## WORK INSTRUCTIONS
Where does the string "Architectural" appear in the records? Copy every line that contains it.

## SUPPLIED RECORDS
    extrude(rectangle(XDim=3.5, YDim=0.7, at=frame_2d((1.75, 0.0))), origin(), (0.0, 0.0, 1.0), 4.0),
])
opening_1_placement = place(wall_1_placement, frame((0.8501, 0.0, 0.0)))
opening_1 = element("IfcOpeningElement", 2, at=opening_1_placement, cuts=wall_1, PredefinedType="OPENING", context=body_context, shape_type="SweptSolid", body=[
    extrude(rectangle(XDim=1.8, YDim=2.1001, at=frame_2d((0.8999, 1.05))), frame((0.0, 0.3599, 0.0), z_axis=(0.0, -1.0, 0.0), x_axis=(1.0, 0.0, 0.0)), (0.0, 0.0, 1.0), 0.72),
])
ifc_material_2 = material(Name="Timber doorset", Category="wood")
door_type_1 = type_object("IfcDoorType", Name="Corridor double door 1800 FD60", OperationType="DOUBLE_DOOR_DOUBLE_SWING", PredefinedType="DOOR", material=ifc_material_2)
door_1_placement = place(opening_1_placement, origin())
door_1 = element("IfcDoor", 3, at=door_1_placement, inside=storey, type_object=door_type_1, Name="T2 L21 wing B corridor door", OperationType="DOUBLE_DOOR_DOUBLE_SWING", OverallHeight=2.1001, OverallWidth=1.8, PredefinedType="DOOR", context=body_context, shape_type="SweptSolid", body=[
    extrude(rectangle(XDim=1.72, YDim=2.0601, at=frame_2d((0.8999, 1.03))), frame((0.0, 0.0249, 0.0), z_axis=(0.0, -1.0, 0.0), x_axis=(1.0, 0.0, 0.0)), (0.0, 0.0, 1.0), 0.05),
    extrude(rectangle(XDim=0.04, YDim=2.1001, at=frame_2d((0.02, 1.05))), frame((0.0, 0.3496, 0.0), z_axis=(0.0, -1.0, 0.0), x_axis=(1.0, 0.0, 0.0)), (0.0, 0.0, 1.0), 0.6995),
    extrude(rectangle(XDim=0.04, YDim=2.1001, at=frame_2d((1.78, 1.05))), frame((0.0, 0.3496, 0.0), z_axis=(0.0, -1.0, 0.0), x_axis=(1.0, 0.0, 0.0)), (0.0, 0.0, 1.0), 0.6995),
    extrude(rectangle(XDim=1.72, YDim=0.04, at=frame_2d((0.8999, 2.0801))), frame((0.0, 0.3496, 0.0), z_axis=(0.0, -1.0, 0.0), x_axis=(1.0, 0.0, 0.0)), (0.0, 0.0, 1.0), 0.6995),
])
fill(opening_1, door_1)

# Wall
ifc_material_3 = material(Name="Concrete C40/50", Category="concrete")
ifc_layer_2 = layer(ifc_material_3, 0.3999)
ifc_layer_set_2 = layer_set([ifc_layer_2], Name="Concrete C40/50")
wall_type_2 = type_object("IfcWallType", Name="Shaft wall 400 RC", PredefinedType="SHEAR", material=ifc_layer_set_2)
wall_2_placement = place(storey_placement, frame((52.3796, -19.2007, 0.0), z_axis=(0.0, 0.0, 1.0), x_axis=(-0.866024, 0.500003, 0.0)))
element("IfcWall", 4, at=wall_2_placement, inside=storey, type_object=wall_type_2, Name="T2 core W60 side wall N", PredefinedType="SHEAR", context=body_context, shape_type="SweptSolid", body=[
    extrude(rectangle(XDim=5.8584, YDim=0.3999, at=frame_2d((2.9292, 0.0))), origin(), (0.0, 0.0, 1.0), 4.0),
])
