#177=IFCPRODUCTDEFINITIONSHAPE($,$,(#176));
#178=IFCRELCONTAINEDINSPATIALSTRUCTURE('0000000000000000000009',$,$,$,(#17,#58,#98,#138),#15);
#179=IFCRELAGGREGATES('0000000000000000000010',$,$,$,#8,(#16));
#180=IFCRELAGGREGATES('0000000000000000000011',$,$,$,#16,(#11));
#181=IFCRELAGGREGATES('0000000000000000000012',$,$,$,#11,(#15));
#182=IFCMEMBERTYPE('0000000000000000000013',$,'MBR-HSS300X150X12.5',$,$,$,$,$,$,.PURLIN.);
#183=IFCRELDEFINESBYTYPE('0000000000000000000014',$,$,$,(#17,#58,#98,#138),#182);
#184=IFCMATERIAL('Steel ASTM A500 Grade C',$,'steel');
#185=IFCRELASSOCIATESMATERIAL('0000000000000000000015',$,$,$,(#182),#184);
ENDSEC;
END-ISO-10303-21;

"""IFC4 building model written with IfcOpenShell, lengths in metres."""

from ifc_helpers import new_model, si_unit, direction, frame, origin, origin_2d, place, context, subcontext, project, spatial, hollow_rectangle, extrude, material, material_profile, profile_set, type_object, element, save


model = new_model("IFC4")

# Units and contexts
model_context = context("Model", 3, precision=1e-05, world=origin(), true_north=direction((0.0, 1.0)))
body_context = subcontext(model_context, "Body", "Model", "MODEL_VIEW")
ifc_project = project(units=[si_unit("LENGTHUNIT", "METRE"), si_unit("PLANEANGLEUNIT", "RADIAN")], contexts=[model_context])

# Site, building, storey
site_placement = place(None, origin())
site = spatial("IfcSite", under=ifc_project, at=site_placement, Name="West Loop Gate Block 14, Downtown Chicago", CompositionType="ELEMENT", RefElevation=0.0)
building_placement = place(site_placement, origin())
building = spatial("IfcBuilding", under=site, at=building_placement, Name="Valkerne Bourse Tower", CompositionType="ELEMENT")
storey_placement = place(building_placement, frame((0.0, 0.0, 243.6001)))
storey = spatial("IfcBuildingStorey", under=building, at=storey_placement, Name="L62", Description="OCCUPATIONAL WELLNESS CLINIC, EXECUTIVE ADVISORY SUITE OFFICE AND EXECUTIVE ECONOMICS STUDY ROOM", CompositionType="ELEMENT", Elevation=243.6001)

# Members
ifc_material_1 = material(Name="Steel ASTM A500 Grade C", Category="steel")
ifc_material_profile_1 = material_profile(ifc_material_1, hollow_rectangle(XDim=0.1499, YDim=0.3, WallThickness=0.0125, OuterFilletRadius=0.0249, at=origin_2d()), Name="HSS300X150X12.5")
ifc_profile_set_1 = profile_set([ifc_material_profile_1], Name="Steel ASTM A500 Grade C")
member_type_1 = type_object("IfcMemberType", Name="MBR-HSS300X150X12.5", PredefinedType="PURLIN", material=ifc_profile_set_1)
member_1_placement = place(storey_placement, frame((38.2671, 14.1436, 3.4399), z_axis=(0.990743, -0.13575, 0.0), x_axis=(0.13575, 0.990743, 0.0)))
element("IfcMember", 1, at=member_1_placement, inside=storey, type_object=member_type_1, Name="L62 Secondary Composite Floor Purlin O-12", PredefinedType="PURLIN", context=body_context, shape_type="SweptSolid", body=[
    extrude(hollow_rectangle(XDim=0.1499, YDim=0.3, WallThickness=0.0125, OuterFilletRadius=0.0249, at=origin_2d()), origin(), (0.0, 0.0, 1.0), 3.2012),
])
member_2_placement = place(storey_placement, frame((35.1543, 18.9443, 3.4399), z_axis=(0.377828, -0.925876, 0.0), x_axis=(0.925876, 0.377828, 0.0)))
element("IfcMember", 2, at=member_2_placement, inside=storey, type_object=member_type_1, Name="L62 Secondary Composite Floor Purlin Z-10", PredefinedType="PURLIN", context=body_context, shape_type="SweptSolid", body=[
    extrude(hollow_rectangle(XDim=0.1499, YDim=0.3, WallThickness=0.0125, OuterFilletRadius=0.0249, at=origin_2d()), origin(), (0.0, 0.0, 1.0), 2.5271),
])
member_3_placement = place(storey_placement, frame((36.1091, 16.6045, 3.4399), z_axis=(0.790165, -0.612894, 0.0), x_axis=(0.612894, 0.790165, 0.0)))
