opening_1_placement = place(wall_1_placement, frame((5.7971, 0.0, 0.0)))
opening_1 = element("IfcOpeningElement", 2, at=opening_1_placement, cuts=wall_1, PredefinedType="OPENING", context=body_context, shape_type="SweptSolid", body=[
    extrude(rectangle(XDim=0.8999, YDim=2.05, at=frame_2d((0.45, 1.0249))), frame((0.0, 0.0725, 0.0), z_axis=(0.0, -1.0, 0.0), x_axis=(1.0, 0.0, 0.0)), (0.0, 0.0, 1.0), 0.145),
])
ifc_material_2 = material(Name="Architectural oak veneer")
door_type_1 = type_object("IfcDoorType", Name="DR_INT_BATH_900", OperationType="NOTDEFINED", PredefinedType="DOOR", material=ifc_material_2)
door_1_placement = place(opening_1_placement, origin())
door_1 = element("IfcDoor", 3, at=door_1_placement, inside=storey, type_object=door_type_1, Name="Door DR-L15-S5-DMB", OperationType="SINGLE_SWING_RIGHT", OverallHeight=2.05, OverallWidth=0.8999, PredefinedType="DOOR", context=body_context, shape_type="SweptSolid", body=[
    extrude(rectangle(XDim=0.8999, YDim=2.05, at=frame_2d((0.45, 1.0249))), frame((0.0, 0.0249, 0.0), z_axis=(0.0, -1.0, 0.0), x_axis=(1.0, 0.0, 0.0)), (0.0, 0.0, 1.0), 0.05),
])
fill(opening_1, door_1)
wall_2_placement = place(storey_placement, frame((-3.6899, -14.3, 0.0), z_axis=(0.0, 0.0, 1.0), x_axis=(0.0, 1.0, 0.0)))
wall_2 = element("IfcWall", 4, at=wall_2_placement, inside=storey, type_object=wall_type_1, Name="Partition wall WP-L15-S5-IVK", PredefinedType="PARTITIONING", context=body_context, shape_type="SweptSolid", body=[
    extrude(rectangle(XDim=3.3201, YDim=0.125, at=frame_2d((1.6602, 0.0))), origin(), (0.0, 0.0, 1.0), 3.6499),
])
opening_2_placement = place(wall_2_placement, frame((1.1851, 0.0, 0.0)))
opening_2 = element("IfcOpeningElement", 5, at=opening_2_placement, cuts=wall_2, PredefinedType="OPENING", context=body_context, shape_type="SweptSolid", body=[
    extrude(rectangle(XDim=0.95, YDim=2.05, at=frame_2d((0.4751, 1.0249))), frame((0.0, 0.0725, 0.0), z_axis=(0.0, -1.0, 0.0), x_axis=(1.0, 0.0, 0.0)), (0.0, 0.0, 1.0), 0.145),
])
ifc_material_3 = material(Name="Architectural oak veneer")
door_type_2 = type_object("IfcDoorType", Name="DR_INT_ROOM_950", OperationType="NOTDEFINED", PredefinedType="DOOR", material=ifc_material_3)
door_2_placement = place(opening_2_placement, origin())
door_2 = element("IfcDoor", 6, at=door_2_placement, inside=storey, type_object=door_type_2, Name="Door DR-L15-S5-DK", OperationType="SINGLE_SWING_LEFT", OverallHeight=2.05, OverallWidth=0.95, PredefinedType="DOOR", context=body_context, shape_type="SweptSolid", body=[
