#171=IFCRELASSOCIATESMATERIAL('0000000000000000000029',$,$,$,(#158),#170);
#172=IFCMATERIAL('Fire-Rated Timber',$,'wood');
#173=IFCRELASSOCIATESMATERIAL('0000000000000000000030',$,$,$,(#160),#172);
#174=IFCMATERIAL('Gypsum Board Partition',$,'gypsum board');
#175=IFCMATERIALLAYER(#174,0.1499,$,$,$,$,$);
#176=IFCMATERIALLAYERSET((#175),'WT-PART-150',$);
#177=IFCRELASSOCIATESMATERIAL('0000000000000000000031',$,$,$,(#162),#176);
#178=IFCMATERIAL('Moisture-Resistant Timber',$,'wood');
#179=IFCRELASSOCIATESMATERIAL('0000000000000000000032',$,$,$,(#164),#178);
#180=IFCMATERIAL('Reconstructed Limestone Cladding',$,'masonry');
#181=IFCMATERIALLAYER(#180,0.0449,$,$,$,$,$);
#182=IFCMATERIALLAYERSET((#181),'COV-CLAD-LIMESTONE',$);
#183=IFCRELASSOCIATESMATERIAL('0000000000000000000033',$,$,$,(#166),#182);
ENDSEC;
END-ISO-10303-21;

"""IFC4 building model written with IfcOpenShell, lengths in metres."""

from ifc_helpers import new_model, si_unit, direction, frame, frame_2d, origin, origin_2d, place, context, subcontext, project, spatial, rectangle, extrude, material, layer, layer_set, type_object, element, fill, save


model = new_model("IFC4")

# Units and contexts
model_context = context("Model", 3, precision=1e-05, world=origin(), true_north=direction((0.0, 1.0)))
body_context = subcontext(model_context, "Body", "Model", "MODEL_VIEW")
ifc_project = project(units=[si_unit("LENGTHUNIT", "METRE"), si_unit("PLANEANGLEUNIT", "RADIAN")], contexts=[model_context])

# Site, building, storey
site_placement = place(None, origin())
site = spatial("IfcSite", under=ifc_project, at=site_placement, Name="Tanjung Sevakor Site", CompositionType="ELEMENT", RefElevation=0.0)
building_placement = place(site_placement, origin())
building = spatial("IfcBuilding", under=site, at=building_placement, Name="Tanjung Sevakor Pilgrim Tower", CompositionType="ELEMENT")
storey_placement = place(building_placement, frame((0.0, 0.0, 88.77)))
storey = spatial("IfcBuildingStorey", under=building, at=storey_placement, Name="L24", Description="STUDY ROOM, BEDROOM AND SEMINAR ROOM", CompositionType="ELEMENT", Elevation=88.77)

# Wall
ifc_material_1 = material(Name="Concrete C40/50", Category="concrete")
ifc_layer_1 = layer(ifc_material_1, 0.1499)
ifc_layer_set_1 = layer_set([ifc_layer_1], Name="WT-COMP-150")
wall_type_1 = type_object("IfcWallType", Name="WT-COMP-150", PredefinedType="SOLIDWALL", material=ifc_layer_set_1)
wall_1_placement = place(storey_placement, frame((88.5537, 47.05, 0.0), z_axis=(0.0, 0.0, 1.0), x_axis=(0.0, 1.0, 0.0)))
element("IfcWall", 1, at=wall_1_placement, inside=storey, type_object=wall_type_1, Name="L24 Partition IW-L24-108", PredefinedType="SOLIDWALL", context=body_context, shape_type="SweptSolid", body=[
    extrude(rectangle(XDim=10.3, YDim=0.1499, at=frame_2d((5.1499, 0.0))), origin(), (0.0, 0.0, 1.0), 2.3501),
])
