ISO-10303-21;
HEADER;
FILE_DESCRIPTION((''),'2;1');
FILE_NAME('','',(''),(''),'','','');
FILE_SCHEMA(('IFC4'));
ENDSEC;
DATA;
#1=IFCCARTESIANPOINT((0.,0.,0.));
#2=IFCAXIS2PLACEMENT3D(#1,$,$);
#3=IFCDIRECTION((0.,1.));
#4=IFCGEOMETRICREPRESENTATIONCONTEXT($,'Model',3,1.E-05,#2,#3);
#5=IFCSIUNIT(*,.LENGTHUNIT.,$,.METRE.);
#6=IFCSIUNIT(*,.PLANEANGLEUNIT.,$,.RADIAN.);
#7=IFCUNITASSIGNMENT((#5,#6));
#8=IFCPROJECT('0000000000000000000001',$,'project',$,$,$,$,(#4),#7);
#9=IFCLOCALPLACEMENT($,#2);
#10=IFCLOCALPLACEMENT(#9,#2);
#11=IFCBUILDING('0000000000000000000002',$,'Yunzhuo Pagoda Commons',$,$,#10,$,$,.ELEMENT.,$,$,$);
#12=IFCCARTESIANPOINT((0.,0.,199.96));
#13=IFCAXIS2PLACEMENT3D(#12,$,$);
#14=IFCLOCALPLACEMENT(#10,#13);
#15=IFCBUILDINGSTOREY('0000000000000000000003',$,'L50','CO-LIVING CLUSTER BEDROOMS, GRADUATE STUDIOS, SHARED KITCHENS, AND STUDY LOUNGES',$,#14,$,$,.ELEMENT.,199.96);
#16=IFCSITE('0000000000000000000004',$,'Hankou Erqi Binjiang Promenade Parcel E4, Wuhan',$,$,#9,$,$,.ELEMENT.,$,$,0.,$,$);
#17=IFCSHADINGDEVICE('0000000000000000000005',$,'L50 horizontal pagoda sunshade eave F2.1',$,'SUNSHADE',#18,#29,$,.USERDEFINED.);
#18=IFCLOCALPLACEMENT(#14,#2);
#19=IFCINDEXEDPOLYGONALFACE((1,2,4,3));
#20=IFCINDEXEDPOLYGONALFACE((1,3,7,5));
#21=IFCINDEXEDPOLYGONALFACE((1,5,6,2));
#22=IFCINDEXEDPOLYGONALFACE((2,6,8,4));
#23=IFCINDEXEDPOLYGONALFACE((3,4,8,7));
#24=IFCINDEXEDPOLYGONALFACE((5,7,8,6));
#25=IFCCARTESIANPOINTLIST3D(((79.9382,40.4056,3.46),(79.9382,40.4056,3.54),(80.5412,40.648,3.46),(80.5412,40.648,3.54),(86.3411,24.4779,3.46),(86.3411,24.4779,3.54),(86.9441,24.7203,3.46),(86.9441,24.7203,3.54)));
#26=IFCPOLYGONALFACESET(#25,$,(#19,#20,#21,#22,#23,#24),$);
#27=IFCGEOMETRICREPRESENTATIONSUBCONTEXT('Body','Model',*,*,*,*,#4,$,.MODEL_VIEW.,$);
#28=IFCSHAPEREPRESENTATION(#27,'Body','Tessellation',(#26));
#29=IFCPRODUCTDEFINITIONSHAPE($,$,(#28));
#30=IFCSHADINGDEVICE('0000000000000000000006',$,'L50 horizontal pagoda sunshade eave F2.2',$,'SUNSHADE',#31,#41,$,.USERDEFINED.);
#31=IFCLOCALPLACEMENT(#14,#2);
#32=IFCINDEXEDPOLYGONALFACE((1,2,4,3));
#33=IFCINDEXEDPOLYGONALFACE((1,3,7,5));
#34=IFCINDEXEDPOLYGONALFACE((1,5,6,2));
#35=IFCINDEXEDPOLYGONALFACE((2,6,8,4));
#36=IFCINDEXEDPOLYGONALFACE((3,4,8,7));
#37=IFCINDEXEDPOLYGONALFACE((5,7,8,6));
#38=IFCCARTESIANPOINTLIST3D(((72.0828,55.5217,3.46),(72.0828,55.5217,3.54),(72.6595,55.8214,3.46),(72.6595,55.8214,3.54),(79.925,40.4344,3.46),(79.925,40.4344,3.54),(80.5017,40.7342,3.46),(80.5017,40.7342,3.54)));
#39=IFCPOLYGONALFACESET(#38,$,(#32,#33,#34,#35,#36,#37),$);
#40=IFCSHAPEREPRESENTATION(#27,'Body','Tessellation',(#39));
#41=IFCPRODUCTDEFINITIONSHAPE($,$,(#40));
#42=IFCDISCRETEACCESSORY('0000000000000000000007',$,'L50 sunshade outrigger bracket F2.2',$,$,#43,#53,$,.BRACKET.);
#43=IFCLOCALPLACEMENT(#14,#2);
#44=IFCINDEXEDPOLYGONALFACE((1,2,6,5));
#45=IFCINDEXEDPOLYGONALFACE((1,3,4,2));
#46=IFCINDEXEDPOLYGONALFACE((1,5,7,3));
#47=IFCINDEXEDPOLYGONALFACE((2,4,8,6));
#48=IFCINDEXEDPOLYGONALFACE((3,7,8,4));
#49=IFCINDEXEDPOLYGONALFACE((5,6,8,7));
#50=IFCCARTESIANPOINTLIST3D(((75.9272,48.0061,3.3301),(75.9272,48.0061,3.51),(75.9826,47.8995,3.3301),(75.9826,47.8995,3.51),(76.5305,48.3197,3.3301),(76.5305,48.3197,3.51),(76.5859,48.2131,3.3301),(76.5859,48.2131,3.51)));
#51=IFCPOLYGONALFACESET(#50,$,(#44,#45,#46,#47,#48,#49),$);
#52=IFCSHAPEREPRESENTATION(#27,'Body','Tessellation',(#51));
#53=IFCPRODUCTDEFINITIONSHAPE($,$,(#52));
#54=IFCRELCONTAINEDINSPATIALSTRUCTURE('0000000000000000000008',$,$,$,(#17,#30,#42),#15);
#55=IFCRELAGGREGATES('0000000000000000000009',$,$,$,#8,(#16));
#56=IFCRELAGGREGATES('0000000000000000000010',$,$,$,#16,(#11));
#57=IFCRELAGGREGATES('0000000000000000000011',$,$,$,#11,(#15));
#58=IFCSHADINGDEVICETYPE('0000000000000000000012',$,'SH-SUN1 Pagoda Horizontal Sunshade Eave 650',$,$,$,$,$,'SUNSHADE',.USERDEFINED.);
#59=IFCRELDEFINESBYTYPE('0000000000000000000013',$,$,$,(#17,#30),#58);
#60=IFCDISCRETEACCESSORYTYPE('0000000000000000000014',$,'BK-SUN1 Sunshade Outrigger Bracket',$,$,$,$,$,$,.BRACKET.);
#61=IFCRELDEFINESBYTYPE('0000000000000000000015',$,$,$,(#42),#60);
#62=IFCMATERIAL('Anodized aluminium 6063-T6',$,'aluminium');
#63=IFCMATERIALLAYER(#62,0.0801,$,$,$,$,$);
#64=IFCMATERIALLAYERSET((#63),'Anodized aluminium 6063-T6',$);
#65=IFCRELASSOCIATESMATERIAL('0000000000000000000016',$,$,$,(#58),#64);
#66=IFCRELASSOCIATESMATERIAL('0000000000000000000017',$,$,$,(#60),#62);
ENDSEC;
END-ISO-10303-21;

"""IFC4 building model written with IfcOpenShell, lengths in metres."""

from ifc_helpers import new_model, si_unit, direction, frame, origin, origin_2d, place, context, subcontext, project, spatial, rectangle, extrude, source, transform, mapped, material, layer, layer_set, type_object, element, save


model = new_model("IFC4")

# Units and contexts
model_context = context("Model", 3, precision=1e-05, world=origin(), true_north=direction((0.0, 1.0)))
body_context = subcontext(model_context, "Body", "Model", "MODEL_VIEW")
ifc_project = project(units=[si_unit("LENGTHUNIT", "METRE"), si_unit("PLANEANGLEUNIT", "RADIAN")], contexts=[model_context])

# Site, building, storey
site_placement = place(None, origin())
site = spatial("IfcSite", under=ifc_project, at=site_placement, Name="Hankou Erqi Binjiang Promenade Parcel E4, Wuhan", CompositionType="ELEMENT", RefElevation=0.0)
building_placement = place(site_placement, origin())
building = spatial("IfcBuilding", under=site, at=building_placement, Name="Yunzhuo Pagoda Commons", CompositionType="ELEMENT")
storey_placement = place(building_placement, frame((0.0, 0.0, 199.96)))
storey = spatial("IfcBuildingStorey", under=building, at=storey_placement, Name="L50", Description="CO-LIVING CLUSTER BEDROOMS, GRADUATE STUDIOS, SHARED KITCHENS, AND STUDY LOUNGES", CompositionType="ELEMENT", Elevation=199.96)

# Shared definitions
ifc_material_1 = material(Name="Anodized aluminium 6063-T6", Category="aluminium")

# Shading devices
ifc_layer_1 = layer(ifc_material_1, 0.0801)
ifc_layer_set_1 = layer_set([ifc_layer_1], Name="Anodized aluminium 6063-T6")
shading_device_type = type_object("IfcShadingDeviceType", Name="SH-SUN1 Pagoda Horizontal Sunshade Eave 650", ElementType="SUNSHADE", PredefinedType="USERDEFINED", material=ifc_layer_set_1)
shared_shape_1 = source(origin(), body_context, "Body", "SweptSolid", [
    extrude(rectangle(XDim=17.1665, YDim=0.6499, at=origin_2d()), origin(), (0.0, 0.0, 1.0), 0.0801),
])
shading_device_1_placement = place(storey_placement, frame((83.4412, 32.563, 3.46), z_axis=(0.0, 0.0, 1.0), x_axis=(-0.372988, 0.927836, 0.0)))
element("IfcShadingDevice", 1, at=shading_device_1_placement, inside=storey, type_object=shading_device_type, Name="L50 horizontal pagoda sunshade eave F2.1", ObjectType="SUNSHADE", PredefinedType="USERDEFINED", context=body_context, shape_type="MappedRepresentation", body=[
    mapped(shared_shape_1, transform((0.0, 0.0, 0.0), scale=1.0)),
])
shared_shape_2 = source(origin(), body_context, "Body", "SweptSolid", [
    extrude(rectangle(XDim=17.0037, YDim=0.6499, at=origin_2d()), origin(), (0.0, 0.0, 1.0), 0.0801),
])
shading_device_2_placement = place(storey_placement, frame((76.2922, 48.1279, 3.46), z_axis=(0.0, 0.0, 1.0), x_axis=(-0.461207, 0.887293, 0.0)))
element("IfcShadingDevice", 2, at=shading_device_2_placement, inside=storey, type_object=shading_device_type, Name="L50 horizontal pagoda sunshade eave F2.2", ObjectType="SUNSHADE", PredefinedType="USERDEFINED", context=body_context, shape_type="MappedRepresentation", body=[
    mapped(shared_shape_2, transform((0.0, 0.0, 0.0), scale=1.0)),
])

# Discrete accessory
discrete_accessory_type = type_object("IfcDiscreteAccessoryType", Name="BK-SUN1 Sunshade Outrigger Bracket", PredefinedType="BRACKET", material=ifc_material_1)
shared_shape_3 = source(origin(), body_context, "Body", "SweptSolid", [
    extrude(rectangle(XDim=0.1201, YDim=0.6799, at=origin_2d()), origin(), (0.0, 0.0, 1.0), 0.1799),
])
discrete_accessory_placement = place(storey_placement, frame((76.2566, 48.1096, 3.3301), z_axis=(0.0, 0.0, 1.0), x_axis=(-0.461207, 0.887293, 0.0)))
element("IfcDiscreteAccessory", 3, at=discrete_accessory_placement, inside=storey, type_object=discrete_accessory_type, Name="L50 sunshade outrigger bracket F2.2", PredefinedType="BRACKET", context=body_context, shape_type="MappedRepresentation", body=[
    mapped(shared_shape_3, transform((0.0, 0.0, 0.0), scale=1.0)),
])

save(model, "model.ifc")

## REPLY TO THE TASK
ifc_material_2 = material(Name="Architectural oak veneer")
ifc_material_3 = material(Name="Architectural oak veneer")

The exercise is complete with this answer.